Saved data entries
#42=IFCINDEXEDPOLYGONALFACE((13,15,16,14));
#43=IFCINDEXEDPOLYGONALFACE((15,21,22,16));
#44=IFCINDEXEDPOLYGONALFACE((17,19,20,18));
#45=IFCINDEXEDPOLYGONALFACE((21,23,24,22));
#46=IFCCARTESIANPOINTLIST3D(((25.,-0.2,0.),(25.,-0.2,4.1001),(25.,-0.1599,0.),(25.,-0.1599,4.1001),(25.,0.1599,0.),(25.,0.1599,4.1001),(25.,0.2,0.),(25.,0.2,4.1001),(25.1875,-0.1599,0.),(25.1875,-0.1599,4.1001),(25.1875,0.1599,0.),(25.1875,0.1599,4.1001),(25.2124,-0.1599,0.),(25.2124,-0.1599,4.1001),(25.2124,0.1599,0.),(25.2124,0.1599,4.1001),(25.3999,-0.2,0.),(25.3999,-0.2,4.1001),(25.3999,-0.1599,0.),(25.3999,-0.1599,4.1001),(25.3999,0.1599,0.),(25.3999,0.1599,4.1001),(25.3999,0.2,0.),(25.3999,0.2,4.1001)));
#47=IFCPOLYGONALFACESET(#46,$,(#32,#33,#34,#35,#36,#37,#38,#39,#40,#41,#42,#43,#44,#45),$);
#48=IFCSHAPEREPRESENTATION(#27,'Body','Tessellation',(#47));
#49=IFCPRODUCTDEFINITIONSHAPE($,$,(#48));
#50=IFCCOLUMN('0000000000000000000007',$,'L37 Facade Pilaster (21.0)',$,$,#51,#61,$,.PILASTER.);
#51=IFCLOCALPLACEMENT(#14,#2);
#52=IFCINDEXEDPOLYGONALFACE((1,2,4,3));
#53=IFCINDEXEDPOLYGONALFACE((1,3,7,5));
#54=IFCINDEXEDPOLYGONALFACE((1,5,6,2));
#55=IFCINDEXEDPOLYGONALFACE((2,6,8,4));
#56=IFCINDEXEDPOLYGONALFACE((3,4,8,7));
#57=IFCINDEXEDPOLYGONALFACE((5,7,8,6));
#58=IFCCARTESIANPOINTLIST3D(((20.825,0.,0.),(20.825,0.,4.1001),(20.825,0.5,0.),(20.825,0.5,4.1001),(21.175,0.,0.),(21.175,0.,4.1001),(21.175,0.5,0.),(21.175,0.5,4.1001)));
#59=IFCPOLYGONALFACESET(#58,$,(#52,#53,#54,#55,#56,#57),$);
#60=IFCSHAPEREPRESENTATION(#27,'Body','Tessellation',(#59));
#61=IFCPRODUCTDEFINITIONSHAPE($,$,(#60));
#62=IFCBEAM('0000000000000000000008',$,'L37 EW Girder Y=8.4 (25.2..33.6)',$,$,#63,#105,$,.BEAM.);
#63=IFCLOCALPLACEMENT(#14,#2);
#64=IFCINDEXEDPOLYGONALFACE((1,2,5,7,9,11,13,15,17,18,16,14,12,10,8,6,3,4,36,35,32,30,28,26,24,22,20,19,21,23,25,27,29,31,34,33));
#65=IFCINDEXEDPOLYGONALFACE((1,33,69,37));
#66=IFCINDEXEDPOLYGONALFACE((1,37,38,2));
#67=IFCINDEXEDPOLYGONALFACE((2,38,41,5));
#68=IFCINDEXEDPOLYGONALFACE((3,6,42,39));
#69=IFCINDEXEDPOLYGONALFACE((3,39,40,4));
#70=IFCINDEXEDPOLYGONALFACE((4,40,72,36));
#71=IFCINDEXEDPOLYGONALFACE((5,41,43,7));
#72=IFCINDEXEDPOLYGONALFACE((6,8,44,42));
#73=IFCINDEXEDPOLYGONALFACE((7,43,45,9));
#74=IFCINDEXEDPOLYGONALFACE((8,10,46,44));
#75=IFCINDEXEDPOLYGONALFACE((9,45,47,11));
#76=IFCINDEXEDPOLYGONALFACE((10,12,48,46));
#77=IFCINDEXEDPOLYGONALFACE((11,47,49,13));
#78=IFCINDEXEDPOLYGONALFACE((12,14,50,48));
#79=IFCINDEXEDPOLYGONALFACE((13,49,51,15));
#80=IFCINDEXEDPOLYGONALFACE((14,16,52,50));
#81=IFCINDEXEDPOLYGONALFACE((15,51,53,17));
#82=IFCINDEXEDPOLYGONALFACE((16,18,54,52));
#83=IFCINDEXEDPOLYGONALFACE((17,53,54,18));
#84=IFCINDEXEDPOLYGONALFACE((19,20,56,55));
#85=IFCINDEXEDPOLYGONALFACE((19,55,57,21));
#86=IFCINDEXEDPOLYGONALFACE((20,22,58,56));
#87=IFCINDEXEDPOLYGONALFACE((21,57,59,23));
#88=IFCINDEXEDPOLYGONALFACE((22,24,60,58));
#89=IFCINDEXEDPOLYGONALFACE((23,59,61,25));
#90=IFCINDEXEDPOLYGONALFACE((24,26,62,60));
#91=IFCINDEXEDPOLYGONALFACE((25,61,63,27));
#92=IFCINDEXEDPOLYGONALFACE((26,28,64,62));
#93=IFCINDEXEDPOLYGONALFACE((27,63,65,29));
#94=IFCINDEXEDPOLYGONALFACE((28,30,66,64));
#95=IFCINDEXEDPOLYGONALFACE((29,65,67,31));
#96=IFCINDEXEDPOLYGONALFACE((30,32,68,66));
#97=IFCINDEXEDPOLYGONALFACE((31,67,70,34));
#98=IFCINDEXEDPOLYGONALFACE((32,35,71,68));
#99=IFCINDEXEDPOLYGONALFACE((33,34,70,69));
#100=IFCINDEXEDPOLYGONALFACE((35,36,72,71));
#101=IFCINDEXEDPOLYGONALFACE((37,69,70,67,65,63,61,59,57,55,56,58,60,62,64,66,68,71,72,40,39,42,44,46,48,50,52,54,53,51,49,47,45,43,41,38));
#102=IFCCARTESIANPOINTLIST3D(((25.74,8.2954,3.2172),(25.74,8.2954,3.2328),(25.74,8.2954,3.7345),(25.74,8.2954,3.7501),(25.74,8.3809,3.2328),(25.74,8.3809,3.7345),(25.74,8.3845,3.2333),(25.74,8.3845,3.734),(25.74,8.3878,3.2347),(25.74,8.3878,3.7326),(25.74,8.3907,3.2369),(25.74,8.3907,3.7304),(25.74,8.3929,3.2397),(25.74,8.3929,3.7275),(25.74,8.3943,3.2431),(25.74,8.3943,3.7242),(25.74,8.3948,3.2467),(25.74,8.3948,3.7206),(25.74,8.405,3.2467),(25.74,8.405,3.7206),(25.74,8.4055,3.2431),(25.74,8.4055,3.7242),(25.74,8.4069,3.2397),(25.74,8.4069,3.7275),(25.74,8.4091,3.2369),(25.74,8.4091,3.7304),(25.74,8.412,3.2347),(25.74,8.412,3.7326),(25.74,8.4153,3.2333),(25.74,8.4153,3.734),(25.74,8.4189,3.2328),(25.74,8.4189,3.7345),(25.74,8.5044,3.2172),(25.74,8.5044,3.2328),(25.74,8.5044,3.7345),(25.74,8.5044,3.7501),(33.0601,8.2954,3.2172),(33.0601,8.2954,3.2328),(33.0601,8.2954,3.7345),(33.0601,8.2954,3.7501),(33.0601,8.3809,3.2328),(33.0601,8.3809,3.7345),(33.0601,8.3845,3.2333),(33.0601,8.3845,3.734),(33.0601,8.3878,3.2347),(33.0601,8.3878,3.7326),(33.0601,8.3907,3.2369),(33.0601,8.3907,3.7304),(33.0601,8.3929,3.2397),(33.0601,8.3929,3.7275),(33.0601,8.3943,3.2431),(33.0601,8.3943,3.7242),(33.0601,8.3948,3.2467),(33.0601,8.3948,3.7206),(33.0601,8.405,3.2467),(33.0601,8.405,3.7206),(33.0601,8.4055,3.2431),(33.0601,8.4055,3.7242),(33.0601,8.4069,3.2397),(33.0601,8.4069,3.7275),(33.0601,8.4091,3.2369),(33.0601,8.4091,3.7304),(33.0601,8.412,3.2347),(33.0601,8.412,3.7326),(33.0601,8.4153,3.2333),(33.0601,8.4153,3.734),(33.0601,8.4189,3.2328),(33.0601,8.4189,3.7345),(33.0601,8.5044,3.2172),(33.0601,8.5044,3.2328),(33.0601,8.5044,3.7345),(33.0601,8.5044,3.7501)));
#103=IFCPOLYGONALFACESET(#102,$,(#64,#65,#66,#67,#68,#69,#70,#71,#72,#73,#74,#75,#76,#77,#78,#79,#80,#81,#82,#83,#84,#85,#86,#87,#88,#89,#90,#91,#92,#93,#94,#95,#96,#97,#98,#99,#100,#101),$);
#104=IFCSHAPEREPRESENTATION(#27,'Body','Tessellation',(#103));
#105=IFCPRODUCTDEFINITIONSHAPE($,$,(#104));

**ASSIGNMENT:** Begin with the line that contains "#104=IFCSHAPEREPRESENTATION(#27,'Body','Tessellation',(#103));" and print each line exactly until the data ends, including the last line.

**RESPONSE TO THE TASK:**
#104=IFCSHAPEREPRESENTATION(#27,'Body','Tessellation',(#103));
#105=IFCPRODUCTDEFINITIONSHAPE($,$,(#104));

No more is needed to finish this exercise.